TASK. Your task is to copy every line of the records below that contains "CHORD".

THE DATA.
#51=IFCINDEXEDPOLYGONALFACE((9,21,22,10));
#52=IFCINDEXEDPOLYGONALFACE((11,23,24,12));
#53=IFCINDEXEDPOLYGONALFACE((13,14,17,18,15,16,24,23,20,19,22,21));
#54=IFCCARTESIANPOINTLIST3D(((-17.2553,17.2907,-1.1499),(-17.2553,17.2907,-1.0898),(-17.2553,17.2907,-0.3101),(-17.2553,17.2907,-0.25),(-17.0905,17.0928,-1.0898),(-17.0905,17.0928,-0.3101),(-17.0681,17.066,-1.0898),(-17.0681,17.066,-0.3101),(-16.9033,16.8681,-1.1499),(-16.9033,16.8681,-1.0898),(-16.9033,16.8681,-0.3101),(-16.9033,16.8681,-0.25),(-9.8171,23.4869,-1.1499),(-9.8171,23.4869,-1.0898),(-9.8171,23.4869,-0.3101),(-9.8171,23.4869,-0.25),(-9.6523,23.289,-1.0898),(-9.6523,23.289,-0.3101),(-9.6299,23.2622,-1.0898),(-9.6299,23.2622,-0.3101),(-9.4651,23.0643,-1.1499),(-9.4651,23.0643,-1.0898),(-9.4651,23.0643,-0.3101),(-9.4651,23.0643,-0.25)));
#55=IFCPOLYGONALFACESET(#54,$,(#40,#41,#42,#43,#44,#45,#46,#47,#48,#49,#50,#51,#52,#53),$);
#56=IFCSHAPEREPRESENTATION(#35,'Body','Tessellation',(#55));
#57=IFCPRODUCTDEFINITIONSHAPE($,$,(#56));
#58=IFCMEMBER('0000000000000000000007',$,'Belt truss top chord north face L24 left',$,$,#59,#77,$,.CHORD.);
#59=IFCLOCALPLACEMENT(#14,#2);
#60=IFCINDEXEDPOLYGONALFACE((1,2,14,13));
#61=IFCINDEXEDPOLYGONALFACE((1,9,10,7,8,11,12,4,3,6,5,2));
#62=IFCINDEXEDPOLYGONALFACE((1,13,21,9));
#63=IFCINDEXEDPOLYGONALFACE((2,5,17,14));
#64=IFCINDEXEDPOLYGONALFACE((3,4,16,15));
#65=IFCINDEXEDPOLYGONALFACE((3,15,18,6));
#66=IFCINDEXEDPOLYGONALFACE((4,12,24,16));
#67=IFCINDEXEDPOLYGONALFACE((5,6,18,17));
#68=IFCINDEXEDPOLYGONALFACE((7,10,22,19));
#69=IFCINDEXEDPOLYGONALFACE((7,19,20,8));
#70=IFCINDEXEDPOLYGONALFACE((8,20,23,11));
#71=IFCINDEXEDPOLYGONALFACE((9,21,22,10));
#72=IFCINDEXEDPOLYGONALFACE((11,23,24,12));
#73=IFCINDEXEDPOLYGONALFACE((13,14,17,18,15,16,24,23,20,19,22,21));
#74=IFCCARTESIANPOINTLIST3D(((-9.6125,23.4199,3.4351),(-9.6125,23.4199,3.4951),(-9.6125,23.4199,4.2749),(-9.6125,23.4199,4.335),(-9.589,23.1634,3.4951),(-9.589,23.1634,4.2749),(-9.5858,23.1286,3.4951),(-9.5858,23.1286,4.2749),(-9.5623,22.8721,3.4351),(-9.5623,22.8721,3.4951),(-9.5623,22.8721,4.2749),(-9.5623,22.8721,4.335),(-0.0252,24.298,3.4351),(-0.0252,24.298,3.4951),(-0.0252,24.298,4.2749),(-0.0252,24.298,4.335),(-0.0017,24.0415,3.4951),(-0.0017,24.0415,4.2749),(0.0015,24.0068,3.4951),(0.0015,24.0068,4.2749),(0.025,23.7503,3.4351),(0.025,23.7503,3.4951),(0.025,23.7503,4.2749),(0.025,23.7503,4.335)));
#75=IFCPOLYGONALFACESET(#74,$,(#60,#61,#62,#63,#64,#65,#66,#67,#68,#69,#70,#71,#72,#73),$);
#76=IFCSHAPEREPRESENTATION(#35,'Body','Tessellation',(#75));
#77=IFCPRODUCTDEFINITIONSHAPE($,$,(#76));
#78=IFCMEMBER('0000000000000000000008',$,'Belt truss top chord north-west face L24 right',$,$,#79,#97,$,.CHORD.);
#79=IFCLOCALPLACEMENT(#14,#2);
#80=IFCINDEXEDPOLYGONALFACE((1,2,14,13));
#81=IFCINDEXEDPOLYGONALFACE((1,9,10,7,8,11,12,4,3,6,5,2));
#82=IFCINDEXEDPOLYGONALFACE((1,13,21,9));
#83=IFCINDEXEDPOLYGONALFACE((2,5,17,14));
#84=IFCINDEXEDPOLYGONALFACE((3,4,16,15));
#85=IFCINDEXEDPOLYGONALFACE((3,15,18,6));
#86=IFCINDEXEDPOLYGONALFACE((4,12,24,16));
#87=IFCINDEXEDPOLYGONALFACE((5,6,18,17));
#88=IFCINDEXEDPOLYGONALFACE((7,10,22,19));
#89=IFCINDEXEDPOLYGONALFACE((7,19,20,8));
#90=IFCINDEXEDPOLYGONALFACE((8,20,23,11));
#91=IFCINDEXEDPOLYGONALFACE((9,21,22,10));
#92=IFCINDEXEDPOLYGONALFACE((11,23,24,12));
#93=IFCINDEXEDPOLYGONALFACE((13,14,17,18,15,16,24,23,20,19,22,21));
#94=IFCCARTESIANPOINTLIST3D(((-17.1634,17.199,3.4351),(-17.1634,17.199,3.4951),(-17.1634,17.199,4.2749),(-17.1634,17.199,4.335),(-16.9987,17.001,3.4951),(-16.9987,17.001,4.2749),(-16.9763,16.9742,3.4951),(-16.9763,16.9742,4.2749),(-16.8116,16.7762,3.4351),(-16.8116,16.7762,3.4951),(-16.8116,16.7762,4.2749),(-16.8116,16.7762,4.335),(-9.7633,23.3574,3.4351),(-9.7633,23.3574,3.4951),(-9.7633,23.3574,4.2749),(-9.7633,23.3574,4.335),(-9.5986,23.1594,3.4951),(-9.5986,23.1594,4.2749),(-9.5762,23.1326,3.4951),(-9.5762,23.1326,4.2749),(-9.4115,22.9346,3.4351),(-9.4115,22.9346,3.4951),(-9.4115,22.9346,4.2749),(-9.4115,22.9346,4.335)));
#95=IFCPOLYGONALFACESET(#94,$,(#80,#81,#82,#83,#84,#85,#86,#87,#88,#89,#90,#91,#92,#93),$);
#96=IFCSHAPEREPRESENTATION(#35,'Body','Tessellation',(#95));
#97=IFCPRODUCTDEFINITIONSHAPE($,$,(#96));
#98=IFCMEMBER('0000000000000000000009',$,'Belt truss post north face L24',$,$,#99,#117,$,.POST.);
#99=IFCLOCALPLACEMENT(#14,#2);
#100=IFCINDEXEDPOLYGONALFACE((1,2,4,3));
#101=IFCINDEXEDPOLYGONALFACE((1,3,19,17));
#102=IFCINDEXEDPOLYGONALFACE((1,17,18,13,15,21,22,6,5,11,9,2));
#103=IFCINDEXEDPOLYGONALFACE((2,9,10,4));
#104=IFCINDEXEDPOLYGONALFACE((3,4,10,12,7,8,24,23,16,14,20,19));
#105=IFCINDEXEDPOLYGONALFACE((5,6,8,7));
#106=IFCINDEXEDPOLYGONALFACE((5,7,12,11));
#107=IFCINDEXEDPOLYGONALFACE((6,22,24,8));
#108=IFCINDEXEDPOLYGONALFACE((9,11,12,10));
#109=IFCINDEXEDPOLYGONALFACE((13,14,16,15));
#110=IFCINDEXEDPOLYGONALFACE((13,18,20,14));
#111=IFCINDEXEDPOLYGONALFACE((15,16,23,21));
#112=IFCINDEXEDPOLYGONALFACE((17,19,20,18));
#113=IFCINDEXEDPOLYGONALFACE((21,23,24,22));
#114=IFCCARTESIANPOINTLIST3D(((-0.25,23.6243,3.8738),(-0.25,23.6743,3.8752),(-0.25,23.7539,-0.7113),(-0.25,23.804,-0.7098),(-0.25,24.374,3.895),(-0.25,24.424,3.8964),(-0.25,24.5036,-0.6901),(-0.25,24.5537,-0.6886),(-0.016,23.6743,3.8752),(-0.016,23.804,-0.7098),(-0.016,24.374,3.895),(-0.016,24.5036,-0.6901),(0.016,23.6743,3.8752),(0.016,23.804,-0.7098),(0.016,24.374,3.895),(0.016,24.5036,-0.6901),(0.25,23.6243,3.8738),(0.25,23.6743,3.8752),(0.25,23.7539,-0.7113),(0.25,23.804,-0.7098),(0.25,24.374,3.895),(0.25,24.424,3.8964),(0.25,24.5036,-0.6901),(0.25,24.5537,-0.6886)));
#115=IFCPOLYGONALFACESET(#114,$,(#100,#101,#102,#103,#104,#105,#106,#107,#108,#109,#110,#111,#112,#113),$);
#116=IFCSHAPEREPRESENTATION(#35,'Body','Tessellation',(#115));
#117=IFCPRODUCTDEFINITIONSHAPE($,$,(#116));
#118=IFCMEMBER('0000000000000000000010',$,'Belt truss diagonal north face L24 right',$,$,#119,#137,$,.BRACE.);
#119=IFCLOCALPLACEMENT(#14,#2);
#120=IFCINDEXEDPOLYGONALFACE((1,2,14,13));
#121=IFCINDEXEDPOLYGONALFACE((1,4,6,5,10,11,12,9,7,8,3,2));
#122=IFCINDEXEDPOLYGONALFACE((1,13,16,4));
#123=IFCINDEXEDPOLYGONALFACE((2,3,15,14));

---

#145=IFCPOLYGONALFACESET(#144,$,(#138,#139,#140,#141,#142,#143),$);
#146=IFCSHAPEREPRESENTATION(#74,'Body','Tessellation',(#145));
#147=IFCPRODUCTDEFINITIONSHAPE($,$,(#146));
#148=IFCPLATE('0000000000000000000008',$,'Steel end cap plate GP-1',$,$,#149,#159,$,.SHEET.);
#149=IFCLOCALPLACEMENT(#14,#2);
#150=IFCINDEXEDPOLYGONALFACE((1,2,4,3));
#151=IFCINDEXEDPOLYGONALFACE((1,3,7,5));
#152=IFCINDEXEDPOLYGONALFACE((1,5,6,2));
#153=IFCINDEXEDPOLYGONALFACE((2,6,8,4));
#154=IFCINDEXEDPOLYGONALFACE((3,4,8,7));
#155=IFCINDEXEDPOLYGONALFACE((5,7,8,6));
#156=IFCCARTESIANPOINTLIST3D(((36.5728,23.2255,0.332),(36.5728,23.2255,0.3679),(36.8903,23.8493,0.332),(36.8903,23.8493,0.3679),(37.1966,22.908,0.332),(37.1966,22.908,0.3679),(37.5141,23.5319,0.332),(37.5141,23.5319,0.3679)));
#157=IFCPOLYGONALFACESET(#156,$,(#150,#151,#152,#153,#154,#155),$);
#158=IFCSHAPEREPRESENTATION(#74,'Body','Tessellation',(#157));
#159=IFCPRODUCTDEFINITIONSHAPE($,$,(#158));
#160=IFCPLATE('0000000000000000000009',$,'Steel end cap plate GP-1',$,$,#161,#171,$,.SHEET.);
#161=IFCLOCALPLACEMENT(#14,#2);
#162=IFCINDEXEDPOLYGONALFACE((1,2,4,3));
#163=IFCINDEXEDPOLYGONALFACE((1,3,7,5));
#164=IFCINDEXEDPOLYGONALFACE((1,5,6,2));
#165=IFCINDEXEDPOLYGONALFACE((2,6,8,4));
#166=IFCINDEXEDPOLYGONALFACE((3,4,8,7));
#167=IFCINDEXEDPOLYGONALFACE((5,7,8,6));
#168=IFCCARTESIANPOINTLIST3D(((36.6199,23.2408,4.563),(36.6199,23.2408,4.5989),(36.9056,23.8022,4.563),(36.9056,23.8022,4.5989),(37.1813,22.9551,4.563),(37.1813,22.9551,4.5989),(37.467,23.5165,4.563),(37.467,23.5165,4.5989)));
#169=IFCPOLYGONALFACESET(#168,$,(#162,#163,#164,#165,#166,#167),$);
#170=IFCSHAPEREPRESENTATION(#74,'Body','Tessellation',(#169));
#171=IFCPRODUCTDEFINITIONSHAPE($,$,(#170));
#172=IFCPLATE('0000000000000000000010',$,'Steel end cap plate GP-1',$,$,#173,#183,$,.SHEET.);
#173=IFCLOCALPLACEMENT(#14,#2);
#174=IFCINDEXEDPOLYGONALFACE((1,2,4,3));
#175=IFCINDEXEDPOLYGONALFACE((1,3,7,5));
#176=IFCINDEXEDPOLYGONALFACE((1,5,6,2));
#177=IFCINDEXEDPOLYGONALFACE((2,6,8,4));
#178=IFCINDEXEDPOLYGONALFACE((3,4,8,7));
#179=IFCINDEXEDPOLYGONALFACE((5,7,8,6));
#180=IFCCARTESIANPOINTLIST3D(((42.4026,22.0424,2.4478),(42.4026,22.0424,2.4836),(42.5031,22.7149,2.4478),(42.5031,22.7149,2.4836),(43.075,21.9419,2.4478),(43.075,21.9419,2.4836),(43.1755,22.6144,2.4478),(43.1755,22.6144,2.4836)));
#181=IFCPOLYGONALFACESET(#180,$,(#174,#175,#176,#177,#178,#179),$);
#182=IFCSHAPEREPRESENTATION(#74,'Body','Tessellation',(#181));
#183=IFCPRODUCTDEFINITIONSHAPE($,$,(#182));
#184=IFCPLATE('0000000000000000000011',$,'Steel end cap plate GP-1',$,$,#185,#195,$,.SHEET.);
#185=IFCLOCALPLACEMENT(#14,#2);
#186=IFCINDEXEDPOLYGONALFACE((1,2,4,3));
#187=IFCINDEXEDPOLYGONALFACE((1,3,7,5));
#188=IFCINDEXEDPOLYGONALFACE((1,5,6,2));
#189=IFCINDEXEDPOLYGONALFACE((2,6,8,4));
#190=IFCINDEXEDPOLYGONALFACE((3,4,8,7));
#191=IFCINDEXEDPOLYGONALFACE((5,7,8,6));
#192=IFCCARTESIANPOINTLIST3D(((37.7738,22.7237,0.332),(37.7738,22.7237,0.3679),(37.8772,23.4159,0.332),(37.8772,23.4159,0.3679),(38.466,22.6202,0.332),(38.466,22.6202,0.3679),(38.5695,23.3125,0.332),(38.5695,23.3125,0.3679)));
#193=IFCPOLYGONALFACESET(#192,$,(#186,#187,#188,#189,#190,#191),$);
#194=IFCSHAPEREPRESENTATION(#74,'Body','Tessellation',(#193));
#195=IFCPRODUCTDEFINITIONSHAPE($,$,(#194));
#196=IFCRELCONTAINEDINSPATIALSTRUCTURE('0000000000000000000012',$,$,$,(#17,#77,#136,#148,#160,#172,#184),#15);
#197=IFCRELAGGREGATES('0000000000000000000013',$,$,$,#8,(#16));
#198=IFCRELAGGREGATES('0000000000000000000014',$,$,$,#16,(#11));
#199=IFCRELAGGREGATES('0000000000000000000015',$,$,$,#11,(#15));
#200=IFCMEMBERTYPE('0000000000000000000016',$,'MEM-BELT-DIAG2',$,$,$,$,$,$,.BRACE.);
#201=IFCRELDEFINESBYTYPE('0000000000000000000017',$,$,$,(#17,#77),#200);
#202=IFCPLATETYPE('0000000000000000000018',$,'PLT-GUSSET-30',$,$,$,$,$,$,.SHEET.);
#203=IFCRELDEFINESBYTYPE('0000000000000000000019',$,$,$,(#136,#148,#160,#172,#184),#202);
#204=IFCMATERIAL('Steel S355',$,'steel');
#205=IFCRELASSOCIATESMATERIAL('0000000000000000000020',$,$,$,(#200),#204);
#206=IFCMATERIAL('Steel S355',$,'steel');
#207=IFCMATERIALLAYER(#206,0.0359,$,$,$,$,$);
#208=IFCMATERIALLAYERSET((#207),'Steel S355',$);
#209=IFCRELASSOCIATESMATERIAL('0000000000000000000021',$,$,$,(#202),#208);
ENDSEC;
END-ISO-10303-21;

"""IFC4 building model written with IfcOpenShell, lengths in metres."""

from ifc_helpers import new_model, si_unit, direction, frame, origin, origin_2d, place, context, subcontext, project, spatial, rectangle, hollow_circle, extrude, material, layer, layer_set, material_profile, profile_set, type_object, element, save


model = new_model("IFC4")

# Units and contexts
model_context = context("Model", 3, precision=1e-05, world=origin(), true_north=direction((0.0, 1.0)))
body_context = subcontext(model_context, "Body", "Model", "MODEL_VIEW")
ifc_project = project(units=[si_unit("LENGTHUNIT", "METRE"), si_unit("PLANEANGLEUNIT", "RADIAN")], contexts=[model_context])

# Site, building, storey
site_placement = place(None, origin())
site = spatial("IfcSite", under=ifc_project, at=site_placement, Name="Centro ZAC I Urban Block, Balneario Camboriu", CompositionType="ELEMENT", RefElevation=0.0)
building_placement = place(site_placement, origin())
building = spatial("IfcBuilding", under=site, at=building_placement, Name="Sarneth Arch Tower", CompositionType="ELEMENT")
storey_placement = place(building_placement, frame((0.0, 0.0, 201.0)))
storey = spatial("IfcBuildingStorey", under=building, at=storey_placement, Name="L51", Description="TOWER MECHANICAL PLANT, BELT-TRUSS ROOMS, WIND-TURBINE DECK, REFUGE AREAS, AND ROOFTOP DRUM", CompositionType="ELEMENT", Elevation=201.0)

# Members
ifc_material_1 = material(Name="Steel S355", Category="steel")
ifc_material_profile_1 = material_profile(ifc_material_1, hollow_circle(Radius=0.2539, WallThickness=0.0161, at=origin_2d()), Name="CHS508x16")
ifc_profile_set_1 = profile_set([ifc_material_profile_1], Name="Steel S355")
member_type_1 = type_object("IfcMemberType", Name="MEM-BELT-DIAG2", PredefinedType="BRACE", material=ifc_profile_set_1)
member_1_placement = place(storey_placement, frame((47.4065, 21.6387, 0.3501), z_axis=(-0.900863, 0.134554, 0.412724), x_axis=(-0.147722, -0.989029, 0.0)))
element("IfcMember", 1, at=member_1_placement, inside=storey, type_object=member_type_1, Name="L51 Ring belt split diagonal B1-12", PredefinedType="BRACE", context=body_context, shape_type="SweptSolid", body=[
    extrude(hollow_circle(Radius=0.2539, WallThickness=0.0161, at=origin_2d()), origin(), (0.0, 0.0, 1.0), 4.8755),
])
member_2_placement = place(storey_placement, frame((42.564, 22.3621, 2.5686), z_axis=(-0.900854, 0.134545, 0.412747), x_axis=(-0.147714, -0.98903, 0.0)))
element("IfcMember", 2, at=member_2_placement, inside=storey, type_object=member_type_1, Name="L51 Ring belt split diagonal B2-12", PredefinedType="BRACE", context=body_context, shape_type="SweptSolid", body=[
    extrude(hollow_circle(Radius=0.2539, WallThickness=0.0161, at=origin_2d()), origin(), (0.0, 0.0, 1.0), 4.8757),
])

RESPONSE FOR THIS EXERCISE.
#58=IFCMEMBER('0000000000000000000007',$,'Belt truss top chord north face L24 left',$,$,#59,#77,$,.CHORD.);
#78=IFCMEMBER('0000000000000000000008',$,'Belt truss top chord north-west face L24 right',$,$,#79,#97,$,.CHORD.);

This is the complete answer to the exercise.